======== Records for this task

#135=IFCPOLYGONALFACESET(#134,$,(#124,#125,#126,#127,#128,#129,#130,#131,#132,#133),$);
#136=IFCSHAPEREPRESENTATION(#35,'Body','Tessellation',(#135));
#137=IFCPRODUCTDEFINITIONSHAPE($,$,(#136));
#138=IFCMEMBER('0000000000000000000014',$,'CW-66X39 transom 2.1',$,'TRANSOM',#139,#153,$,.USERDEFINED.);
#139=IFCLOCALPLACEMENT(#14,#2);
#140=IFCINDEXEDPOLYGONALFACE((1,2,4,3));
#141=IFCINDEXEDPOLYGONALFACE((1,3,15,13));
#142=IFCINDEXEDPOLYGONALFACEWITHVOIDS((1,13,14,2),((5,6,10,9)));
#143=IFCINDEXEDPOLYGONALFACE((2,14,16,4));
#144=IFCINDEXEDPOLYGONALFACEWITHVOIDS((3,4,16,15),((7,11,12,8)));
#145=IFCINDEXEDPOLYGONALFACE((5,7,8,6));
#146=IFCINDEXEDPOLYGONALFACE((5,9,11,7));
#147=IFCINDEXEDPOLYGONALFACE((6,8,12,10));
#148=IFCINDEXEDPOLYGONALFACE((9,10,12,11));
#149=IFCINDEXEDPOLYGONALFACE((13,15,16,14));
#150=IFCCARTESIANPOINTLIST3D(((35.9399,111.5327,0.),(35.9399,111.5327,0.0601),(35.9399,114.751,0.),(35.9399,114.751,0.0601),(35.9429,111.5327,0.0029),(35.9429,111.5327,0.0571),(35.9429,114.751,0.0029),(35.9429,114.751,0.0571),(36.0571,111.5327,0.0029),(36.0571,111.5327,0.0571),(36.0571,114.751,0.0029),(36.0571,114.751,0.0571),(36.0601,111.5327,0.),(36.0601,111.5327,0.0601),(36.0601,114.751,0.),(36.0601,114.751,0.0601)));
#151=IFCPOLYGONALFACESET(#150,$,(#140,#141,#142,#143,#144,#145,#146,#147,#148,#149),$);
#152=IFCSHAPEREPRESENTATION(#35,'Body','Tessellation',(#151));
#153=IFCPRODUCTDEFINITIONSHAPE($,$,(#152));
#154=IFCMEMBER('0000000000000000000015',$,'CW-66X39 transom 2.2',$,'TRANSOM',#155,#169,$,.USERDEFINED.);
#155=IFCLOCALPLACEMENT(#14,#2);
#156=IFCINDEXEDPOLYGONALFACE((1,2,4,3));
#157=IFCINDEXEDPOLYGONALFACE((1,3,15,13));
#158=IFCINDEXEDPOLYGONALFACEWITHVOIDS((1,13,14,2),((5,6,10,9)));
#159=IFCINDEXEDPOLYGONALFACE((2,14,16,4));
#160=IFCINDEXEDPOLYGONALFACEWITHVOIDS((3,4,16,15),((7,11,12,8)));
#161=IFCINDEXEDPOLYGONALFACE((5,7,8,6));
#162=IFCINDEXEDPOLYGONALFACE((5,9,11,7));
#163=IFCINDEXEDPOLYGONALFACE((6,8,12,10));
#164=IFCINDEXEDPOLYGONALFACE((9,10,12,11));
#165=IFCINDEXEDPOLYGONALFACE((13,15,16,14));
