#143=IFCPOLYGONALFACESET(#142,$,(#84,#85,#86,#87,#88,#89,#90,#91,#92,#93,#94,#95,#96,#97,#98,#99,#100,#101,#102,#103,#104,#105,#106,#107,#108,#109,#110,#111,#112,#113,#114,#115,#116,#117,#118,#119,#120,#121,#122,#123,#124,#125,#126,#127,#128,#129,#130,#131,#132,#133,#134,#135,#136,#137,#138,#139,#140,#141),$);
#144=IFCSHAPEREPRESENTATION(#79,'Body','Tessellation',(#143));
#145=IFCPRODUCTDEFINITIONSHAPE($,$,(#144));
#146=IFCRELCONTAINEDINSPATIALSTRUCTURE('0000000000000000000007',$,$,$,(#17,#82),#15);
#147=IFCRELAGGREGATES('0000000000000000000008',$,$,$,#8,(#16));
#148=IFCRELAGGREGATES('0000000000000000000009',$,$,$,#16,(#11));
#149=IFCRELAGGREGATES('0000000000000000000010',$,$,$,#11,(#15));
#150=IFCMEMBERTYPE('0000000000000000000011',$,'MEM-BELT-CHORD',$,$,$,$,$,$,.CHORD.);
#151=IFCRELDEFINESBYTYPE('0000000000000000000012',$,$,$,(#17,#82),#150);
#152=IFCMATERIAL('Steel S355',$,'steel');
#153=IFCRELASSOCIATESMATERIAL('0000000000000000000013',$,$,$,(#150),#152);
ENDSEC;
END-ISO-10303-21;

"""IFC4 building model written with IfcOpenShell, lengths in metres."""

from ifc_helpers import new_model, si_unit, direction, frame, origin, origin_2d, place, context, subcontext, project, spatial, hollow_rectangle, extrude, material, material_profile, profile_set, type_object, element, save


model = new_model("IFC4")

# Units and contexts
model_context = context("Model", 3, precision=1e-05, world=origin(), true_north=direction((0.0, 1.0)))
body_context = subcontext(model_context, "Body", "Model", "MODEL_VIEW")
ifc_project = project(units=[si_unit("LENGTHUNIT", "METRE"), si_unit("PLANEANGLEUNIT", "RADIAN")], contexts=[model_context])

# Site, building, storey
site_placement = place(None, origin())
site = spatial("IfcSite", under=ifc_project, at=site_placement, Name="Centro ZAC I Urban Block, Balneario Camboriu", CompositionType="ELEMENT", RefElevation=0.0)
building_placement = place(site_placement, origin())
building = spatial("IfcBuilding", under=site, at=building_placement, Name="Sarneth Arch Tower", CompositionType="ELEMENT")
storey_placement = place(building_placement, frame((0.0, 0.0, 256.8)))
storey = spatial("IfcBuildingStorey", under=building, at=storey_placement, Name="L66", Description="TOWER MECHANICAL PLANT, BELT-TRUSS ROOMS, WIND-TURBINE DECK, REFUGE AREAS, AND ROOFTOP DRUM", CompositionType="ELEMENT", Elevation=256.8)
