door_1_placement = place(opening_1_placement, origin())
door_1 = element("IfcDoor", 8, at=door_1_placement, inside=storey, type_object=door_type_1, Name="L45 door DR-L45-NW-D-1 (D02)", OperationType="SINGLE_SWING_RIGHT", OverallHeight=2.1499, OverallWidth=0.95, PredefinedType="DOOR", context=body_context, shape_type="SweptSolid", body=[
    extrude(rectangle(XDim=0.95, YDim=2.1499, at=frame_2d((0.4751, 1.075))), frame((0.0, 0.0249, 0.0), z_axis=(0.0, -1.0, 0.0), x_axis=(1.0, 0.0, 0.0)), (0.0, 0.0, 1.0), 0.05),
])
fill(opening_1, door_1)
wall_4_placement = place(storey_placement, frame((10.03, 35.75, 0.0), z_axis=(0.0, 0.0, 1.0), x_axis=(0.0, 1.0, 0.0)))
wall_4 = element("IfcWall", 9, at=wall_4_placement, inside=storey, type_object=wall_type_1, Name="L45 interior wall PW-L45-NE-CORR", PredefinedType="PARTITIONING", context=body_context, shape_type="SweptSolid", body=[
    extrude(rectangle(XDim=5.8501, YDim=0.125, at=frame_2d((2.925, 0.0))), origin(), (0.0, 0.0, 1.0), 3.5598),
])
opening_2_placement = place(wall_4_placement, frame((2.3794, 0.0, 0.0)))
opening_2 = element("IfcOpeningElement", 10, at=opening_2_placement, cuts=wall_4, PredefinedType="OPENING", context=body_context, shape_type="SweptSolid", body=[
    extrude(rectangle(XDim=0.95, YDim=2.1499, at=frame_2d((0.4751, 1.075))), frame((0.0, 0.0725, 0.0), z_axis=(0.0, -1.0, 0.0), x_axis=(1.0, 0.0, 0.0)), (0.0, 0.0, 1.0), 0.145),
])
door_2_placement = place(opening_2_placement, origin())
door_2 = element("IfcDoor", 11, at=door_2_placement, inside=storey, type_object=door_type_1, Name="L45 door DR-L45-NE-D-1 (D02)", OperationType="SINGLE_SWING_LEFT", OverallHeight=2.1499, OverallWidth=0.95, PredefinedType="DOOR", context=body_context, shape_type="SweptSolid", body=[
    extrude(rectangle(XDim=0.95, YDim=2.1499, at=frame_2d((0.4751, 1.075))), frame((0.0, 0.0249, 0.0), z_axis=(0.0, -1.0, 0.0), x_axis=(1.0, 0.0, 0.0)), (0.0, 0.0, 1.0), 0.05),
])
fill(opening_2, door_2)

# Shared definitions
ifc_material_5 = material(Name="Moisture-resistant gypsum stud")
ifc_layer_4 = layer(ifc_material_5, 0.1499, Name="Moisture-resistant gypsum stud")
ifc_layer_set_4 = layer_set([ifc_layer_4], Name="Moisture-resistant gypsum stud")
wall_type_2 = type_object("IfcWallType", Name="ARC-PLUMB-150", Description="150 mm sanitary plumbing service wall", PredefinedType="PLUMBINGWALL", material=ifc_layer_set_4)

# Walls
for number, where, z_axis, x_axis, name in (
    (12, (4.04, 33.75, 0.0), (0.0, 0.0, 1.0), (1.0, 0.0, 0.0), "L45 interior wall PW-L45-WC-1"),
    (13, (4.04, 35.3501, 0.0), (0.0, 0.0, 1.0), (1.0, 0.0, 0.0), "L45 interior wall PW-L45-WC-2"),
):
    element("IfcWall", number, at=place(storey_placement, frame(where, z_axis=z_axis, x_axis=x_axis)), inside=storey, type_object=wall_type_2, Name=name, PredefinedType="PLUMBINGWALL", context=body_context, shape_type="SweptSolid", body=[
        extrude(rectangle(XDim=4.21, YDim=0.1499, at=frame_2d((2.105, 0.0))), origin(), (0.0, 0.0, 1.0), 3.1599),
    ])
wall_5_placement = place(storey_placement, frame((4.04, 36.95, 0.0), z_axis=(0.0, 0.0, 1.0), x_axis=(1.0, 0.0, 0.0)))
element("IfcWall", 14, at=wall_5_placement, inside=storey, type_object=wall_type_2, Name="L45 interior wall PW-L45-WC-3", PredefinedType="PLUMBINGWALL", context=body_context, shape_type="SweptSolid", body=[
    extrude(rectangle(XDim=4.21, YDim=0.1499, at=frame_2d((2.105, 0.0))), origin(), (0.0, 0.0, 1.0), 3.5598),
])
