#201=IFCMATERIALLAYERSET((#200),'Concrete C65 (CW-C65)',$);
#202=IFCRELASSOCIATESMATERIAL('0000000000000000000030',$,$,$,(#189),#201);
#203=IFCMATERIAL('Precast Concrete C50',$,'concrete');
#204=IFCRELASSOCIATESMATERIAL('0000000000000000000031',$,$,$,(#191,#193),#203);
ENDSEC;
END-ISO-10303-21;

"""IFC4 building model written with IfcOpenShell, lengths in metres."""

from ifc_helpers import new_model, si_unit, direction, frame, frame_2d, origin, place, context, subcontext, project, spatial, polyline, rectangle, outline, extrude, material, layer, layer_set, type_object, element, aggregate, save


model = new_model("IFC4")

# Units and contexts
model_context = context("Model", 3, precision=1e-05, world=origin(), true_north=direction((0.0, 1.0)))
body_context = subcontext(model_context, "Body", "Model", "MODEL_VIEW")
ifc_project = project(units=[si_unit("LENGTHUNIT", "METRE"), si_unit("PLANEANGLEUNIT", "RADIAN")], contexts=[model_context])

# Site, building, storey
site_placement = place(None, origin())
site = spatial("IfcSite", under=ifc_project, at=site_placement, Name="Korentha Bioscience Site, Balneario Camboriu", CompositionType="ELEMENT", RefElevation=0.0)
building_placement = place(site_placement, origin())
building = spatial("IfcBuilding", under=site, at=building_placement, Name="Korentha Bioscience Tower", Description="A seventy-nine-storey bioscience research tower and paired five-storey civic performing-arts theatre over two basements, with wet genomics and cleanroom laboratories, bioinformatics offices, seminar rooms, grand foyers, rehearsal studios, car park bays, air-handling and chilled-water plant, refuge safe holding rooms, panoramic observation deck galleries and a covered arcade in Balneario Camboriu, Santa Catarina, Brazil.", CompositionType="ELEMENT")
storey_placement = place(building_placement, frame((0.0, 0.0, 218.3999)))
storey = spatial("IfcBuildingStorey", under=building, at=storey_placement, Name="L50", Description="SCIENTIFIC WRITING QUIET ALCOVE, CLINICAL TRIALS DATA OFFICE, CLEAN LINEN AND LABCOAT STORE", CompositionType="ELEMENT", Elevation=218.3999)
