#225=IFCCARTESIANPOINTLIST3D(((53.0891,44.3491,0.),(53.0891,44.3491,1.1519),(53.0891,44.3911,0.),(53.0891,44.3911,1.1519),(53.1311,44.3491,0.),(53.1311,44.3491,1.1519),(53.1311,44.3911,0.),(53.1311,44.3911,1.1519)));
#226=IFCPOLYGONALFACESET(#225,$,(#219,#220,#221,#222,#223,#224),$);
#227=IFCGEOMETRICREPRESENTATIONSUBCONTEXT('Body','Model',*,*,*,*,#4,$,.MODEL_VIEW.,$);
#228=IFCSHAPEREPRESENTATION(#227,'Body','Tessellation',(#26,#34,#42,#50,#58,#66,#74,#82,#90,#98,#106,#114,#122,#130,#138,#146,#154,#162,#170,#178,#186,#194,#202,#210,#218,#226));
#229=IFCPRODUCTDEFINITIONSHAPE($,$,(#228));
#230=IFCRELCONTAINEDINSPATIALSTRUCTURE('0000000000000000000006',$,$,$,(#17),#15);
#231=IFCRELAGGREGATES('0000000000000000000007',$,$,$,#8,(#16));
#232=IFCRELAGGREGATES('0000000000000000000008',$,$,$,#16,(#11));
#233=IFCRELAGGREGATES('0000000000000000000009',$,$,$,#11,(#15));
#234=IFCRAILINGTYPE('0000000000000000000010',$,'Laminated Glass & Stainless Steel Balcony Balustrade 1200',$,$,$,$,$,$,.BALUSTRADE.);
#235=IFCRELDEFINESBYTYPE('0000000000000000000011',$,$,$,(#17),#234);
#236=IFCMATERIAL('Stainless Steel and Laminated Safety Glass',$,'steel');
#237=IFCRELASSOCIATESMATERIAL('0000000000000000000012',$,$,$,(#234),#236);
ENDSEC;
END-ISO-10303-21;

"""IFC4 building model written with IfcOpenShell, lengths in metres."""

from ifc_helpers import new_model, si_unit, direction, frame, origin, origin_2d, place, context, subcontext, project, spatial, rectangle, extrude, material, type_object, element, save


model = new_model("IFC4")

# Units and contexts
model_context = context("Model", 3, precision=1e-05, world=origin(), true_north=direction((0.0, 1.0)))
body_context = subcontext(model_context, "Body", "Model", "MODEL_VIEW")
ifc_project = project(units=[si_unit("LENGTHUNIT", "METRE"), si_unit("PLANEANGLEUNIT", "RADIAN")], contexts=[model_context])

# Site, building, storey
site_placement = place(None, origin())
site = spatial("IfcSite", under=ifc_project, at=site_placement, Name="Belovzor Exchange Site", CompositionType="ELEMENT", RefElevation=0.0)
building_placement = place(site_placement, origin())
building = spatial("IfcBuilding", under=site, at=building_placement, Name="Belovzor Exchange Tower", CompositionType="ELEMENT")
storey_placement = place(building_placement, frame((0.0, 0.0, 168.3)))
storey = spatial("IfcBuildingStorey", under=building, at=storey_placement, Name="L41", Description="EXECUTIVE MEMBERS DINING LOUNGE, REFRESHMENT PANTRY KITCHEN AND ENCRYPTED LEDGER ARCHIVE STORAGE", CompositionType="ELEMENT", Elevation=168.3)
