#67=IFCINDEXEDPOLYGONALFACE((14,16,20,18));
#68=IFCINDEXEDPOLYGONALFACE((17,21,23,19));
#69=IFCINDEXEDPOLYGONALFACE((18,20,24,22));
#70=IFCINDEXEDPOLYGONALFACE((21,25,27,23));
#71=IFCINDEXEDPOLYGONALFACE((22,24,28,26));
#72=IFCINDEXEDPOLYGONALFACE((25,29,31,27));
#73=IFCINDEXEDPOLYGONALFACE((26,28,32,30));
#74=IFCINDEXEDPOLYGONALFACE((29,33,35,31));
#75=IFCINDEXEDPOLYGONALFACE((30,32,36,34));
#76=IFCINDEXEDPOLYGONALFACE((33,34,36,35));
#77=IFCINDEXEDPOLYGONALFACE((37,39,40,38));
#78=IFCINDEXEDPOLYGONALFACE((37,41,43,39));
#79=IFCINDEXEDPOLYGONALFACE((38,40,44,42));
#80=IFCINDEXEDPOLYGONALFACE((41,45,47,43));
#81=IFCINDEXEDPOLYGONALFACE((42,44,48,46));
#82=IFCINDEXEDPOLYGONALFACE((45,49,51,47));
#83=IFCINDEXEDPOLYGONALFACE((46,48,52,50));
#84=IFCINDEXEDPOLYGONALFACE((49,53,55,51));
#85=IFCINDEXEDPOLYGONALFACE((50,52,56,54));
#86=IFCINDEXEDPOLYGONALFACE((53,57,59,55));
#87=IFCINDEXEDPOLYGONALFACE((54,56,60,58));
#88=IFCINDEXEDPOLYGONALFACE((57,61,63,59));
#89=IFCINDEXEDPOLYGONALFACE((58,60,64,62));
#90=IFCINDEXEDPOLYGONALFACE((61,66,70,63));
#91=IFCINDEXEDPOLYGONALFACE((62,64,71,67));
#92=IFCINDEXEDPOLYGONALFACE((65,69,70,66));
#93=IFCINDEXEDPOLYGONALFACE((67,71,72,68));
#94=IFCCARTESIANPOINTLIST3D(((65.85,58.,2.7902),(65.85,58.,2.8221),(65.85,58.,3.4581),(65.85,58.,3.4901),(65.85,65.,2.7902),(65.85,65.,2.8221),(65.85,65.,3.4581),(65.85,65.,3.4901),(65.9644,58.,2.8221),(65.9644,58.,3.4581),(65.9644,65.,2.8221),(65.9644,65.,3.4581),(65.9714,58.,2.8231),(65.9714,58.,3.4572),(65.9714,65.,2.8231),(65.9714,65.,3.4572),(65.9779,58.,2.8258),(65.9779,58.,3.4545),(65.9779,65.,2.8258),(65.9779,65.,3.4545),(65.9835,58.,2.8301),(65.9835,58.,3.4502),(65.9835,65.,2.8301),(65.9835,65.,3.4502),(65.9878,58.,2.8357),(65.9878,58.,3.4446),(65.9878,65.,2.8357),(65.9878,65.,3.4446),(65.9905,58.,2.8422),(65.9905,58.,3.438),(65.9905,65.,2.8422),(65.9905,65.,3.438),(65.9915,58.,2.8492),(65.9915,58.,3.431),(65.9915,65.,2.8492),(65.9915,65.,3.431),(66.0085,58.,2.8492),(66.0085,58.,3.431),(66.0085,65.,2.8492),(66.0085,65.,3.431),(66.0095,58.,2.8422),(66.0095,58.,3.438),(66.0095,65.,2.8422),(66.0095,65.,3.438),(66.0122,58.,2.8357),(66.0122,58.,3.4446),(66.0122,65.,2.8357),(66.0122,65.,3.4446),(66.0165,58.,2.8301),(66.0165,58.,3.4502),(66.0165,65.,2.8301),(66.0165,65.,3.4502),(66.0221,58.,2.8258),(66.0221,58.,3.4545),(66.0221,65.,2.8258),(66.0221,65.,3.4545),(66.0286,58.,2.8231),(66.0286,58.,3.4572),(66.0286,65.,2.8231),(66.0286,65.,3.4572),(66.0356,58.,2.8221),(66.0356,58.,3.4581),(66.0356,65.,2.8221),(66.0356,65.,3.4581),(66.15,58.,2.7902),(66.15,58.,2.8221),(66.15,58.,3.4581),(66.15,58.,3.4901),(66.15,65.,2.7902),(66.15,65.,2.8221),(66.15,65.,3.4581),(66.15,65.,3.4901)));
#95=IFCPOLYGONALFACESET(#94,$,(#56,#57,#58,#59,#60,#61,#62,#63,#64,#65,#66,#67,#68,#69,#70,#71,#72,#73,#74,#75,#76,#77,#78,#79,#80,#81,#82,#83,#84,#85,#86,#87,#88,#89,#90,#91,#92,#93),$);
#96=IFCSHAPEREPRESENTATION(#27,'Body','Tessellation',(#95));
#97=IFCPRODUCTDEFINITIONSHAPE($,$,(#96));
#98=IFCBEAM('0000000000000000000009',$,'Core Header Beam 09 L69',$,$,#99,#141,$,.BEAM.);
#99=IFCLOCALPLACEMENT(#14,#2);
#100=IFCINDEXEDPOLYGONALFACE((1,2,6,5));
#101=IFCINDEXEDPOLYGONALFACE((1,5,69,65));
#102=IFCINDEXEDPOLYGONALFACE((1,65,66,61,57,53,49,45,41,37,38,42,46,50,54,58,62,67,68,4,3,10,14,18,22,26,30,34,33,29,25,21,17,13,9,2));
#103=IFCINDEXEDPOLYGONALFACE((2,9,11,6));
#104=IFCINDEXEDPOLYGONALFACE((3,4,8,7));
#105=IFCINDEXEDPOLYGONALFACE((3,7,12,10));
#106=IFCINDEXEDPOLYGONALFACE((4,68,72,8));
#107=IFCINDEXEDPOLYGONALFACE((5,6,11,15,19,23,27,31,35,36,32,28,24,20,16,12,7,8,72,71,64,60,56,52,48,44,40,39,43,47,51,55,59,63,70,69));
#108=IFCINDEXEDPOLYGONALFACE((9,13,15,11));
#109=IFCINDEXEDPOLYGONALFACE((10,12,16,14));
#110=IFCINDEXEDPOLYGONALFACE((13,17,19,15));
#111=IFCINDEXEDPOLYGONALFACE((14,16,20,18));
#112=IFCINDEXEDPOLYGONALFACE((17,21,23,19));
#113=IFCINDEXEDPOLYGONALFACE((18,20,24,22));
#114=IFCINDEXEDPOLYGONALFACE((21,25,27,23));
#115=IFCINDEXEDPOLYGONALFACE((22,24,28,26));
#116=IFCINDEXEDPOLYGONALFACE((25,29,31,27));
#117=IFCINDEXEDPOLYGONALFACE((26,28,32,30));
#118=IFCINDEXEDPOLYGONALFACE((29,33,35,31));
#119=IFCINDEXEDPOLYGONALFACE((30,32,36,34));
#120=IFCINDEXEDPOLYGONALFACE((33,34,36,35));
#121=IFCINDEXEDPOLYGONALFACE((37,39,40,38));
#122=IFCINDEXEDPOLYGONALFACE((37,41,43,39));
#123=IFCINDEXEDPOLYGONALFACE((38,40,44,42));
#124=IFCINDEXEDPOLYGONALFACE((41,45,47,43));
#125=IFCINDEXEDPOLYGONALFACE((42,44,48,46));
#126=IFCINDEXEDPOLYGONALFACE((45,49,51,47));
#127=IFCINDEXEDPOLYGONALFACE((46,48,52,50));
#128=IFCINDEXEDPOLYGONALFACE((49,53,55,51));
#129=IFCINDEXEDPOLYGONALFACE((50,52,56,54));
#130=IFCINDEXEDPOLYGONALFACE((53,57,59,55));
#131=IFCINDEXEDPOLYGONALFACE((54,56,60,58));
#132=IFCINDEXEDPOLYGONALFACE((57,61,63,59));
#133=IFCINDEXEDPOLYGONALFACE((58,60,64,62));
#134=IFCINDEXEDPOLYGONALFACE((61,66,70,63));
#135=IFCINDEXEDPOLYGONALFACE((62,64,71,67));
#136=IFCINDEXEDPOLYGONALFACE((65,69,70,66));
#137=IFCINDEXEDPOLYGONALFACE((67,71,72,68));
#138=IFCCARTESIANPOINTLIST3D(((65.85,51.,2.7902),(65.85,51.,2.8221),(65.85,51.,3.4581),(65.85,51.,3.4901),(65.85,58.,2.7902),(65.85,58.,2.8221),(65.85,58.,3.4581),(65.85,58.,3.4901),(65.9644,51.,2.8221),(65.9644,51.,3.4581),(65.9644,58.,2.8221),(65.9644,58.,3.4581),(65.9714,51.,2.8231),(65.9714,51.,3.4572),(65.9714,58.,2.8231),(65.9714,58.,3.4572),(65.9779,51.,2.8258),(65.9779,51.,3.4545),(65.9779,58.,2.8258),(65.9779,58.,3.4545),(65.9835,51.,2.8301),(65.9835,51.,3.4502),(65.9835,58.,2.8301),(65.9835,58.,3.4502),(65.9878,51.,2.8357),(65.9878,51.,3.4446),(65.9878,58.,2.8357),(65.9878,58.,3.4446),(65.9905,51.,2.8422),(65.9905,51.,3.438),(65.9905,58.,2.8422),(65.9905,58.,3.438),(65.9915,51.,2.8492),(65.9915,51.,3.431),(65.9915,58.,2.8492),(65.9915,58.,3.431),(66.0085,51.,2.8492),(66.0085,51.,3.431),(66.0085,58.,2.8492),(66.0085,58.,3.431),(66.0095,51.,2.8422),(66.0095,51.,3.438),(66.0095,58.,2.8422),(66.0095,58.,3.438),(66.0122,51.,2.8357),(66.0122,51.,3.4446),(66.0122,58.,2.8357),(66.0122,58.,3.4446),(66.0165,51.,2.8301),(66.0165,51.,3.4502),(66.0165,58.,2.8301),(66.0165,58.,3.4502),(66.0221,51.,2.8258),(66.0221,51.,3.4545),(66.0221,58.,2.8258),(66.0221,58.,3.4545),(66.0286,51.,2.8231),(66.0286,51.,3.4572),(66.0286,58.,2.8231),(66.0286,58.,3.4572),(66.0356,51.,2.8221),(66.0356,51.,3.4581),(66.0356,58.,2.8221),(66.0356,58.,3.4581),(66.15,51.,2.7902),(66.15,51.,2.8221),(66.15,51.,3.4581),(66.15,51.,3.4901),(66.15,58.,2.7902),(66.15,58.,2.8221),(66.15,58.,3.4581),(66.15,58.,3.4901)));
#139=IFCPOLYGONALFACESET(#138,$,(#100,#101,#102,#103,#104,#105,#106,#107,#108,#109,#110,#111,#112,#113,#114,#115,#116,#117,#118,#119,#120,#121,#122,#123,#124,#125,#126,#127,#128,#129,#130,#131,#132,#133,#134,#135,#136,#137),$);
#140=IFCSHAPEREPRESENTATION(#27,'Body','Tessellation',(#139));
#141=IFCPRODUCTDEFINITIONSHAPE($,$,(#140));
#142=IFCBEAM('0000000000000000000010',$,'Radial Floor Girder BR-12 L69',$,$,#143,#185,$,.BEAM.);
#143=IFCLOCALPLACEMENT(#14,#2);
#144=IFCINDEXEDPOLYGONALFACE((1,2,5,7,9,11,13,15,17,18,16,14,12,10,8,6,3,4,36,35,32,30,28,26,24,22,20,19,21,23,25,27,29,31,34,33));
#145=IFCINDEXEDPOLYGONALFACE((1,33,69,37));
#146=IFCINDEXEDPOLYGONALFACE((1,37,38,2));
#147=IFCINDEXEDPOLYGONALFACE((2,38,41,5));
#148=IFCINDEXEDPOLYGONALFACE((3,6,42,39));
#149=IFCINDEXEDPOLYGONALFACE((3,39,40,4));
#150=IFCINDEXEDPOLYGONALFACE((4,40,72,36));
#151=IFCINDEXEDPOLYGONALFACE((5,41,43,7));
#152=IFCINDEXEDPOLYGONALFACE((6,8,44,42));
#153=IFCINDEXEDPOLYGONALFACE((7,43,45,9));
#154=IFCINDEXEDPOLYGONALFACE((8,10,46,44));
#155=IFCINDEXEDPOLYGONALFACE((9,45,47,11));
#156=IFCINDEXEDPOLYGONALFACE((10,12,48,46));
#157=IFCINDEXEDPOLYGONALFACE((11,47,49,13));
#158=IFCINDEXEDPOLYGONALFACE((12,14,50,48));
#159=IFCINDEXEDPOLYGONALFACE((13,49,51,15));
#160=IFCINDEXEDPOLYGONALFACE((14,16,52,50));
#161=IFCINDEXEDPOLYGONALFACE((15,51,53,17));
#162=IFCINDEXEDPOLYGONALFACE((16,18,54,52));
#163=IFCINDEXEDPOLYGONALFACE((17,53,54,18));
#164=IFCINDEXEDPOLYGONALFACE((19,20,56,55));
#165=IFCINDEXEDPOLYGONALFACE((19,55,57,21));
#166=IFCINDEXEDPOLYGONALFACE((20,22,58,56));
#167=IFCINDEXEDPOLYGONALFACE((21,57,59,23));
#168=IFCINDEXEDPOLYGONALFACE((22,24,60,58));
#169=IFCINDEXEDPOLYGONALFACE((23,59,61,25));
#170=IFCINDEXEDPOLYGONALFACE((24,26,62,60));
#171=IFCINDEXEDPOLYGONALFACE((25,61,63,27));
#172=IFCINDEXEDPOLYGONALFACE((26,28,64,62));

================

Search the entries above for the string "Steel", and report each line where it occurs.

Answer box ->
#152=IFCMATERIAL('Steel S355',$,'steel');
#234=IFCRAILINGTYPE('0000000000000000000010',$,'Laminated Glass & Stainless Steel Balcony Balustrade 1200',$,$,$,$,$,$,.BALUSTRADE.);
#236=IFCMATERIAL('Stainless Steel and Laminated Safety Glass',$,'steel');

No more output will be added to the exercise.